- To do: Report each line of the entries that includes "SOLIDWALL" by copying it.

- Dataset excerpts:

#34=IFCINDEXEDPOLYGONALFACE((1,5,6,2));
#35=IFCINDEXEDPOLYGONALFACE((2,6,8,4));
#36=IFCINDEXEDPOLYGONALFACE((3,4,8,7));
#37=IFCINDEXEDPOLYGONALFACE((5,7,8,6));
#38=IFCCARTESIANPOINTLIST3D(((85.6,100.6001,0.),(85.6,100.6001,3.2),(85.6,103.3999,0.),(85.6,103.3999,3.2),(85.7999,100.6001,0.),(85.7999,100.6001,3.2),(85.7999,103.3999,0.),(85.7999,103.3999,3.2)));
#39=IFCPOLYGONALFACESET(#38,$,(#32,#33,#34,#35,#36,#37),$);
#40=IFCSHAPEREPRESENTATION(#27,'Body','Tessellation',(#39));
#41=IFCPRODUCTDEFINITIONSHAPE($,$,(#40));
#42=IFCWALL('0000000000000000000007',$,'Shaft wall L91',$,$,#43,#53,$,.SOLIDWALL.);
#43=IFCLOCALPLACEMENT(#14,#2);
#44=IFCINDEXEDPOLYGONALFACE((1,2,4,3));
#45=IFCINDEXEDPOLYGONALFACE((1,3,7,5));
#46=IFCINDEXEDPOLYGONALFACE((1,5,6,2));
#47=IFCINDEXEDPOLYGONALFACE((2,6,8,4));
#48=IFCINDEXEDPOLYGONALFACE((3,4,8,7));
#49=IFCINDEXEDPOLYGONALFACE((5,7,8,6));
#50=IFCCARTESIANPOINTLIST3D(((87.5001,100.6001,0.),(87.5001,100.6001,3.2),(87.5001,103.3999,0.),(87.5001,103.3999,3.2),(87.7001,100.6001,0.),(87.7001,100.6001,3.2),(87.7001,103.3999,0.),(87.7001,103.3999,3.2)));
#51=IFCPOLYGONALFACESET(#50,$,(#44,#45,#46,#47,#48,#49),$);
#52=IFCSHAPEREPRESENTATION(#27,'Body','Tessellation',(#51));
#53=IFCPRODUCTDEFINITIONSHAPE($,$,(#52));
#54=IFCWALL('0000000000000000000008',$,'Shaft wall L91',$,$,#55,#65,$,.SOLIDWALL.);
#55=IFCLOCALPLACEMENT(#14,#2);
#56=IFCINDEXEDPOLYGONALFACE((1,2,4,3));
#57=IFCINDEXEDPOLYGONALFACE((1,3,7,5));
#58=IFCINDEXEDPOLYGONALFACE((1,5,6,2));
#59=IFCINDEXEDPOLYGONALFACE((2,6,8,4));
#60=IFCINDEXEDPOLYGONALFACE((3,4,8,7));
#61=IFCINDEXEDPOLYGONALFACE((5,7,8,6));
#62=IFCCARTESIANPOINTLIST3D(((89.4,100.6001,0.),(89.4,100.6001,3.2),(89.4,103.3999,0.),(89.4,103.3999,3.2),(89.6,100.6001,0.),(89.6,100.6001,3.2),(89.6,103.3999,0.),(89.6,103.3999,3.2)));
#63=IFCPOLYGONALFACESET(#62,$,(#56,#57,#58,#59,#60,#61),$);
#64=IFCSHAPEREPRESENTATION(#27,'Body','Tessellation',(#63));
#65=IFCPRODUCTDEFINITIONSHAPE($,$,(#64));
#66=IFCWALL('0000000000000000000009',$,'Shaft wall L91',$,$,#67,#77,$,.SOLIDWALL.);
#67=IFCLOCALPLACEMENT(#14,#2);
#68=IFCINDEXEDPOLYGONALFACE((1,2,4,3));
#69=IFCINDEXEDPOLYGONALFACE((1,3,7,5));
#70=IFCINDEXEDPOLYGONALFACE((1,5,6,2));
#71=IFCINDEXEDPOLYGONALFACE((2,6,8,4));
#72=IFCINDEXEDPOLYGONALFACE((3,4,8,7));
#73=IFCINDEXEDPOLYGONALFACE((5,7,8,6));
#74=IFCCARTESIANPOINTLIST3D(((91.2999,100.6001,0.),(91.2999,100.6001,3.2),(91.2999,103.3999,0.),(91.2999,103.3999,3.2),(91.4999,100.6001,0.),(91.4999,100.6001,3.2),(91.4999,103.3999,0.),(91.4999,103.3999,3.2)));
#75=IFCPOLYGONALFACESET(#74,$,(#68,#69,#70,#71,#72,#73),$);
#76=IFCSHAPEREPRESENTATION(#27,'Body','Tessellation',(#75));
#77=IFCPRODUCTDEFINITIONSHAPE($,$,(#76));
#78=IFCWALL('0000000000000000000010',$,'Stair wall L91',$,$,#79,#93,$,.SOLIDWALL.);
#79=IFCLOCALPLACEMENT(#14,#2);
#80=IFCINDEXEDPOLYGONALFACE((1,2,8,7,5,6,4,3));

- Result below:
#42=IFCWALL('0000000000000000000007',$,'Shaft wall L91',$,$,#43,#53,$,.SOLIDWALL.);
#54=IFCWALL('0000000000000000000008',$,'Shaft wall L91',$,$,#55,#65,$,.SOLIDWALL.);
#66=IFCWALL('0000000000000000000009',$,'Shaft wall L91',$,$,#67,#77,$,.SOLIDWALL.);
#78=IFCWALL('0000000000000000000010',$,'Stair wall L91',$,$,#79,#93,$,.SOLIDWALL.);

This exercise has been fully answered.